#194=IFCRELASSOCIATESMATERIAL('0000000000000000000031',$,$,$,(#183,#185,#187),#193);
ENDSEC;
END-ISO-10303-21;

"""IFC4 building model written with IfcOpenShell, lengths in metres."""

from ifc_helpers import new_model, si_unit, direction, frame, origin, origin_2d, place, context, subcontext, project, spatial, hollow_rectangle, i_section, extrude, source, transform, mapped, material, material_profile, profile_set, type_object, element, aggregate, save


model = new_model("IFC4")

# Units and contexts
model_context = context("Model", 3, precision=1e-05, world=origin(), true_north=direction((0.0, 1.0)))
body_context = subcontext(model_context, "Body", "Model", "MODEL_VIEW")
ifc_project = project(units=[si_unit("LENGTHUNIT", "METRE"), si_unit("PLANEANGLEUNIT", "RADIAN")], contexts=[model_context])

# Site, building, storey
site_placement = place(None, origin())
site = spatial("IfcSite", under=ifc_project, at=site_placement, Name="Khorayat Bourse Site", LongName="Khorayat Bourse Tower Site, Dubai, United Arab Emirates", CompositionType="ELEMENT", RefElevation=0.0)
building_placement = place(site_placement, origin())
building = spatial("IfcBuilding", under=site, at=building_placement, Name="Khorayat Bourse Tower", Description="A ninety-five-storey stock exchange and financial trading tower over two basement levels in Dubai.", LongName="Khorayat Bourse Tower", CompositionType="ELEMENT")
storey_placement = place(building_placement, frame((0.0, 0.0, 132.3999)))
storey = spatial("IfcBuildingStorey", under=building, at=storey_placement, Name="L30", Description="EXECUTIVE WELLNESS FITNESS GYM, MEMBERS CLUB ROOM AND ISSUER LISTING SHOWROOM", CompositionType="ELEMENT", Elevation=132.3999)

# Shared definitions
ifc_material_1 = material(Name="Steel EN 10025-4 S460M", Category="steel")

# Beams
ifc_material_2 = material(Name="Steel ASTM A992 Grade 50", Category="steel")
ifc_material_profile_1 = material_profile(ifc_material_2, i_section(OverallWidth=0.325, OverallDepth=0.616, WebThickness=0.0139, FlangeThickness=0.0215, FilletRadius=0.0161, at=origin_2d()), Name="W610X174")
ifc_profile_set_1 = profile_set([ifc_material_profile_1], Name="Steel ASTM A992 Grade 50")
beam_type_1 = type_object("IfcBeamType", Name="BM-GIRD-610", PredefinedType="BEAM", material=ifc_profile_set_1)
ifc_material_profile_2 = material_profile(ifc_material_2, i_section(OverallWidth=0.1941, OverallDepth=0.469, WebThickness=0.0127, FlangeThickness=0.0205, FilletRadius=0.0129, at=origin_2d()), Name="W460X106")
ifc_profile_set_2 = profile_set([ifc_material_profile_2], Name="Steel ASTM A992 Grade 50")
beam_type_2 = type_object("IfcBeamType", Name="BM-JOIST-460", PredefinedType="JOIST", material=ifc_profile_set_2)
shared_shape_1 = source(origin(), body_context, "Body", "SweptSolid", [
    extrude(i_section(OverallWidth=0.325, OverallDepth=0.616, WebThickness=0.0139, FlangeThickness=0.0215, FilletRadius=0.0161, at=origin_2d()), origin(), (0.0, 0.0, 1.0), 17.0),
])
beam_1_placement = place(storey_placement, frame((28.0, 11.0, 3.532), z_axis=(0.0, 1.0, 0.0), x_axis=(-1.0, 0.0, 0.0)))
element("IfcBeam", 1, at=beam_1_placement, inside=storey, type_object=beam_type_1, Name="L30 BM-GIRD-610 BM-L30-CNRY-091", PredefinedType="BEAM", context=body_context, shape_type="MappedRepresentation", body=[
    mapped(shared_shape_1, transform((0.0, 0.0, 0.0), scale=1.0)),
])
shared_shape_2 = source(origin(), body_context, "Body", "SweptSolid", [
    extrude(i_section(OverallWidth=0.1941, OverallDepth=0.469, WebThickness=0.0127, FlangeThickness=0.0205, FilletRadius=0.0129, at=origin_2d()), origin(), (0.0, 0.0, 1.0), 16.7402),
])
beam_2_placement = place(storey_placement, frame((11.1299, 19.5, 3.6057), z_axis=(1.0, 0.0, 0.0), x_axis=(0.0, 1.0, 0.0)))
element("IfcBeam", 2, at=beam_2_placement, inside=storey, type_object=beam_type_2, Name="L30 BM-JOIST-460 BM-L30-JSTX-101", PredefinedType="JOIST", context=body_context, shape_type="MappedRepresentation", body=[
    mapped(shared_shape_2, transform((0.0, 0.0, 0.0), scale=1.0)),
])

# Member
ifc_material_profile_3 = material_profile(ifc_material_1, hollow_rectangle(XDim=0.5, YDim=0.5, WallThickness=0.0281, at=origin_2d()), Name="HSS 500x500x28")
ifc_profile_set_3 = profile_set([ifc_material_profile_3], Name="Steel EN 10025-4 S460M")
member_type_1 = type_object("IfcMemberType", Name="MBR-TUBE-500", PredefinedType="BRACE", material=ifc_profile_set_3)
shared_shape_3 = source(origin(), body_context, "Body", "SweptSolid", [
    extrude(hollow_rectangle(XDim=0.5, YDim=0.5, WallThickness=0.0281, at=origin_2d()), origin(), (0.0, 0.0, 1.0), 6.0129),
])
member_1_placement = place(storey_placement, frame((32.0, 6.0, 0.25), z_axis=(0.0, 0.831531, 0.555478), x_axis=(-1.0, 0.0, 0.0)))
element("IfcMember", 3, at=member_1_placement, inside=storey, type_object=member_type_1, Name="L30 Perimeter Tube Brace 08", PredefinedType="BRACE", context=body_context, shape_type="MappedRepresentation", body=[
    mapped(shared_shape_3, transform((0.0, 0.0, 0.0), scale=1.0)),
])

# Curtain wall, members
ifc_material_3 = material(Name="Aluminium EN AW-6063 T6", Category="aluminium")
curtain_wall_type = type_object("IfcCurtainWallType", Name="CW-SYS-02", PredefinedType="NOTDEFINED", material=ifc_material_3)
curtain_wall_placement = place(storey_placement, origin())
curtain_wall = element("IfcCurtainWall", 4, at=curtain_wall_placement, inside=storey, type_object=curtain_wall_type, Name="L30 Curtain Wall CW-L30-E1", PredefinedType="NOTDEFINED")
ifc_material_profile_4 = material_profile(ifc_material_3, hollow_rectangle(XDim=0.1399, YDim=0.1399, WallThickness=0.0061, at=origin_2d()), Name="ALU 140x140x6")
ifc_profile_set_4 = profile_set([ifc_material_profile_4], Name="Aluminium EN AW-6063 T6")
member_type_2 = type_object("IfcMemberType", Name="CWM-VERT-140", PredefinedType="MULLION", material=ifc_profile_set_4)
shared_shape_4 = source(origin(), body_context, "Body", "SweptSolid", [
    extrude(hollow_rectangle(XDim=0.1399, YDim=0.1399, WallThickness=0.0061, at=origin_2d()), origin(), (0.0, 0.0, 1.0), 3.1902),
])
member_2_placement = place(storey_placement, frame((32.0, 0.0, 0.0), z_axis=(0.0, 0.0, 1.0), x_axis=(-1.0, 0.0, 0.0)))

------------------------------------

◆ TASK TO CARRY OUT: Would you print, exactly as written, every line above from the one holding "END-ISO-10303-21;" through the one holding "from ifc_helpers import", with both included and no other lines?

◆ ANSWER BOX:
END-ISO-10303-21;

"""IFC4 building model written with IfcOpenShell, lengths in metres."""

from ifc_helpers import new_model, si_unit, direction, frame, origin, origin_2d, place, context, subcontext, project, spatial, hollow_rectangle, i_section, extrude, source, transform, mapped, material, material_profile, profile_set, type_object, element, aggregate, save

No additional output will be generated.